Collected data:
........

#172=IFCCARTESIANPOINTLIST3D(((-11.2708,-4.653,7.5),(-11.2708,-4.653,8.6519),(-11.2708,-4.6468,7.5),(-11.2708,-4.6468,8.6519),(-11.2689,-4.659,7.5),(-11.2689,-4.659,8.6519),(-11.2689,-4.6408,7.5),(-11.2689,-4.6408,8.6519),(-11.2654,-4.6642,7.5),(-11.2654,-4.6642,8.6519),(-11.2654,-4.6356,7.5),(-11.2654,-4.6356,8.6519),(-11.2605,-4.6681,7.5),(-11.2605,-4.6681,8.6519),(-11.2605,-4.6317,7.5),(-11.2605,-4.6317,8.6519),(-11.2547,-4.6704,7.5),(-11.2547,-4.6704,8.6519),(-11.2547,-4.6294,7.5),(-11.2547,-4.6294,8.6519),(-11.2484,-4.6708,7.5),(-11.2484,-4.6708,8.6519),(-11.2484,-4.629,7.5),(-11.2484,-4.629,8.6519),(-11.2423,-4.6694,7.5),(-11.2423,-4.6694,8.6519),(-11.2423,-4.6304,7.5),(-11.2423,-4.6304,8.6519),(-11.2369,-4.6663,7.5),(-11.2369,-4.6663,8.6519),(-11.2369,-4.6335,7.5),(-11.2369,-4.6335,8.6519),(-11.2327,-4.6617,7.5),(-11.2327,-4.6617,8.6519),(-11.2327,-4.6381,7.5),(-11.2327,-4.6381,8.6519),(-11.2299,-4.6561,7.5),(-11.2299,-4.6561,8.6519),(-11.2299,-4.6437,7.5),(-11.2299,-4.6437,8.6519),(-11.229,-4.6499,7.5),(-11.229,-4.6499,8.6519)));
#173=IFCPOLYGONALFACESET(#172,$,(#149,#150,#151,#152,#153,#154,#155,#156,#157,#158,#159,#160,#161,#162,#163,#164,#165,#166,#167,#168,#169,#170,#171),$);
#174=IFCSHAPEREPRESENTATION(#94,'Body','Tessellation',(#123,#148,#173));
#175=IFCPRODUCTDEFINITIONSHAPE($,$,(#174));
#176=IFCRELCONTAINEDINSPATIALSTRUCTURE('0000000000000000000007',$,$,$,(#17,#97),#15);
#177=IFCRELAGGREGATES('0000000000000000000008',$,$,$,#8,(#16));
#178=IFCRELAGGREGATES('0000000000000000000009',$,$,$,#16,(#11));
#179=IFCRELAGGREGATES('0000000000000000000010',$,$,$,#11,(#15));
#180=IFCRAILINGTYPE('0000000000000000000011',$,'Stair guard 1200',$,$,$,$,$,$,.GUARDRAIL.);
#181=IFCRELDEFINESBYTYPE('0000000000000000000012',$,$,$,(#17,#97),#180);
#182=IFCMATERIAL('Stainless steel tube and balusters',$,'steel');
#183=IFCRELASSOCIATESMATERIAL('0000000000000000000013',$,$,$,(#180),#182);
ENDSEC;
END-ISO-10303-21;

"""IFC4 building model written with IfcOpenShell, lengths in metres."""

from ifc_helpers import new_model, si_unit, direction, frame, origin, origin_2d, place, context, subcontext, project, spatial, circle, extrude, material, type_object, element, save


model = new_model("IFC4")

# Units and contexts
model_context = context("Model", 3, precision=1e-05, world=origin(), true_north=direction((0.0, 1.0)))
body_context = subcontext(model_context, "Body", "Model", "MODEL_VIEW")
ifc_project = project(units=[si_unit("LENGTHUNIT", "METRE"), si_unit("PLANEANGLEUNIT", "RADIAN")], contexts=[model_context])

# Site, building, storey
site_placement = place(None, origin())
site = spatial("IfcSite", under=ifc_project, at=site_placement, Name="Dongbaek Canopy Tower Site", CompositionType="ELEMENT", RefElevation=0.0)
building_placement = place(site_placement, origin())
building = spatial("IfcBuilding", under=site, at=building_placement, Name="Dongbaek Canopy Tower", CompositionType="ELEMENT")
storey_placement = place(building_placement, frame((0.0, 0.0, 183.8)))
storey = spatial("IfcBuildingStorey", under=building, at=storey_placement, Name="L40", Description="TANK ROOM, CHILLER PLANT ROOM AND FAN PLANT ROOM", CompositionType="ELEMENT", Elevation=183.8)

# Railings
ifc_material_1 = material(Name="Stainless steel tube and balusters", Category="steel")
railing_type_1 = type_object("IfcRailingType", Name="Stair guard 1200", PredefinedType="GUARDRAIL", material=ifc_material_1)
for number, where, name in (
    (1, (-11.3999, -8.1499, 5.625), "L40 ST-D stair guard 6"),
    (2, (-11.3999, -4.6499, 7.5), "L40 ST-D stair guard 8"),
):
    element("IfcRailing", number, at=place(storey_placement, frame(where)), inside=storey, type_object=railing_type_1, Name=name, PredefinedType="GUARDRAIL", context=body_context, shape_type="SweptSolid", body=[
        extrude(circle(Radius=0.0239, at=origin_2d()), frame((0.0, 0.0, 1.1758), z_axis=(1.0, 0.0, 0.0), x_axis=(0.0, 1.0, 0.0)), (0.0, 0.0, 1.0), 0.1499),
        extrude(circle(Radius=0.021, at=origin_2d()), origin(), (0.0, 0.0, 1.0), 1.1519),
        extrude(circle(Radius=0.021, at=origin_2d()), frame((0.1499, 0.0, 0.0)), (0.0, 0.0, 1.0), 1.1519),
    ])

........

Task to complete.
Copy out the lines of the data where the string "subcontext" occurs.

Reply to the exercise.
from ifc_helpers import new_model, si_unit, direction, frame, origin, origin_2d, place, context, subcontext, project, spatial, circle, extrude, material, type_object, element, save
body_context = subcontext(model_context, "Body", "Model", "MODEL_VIEW")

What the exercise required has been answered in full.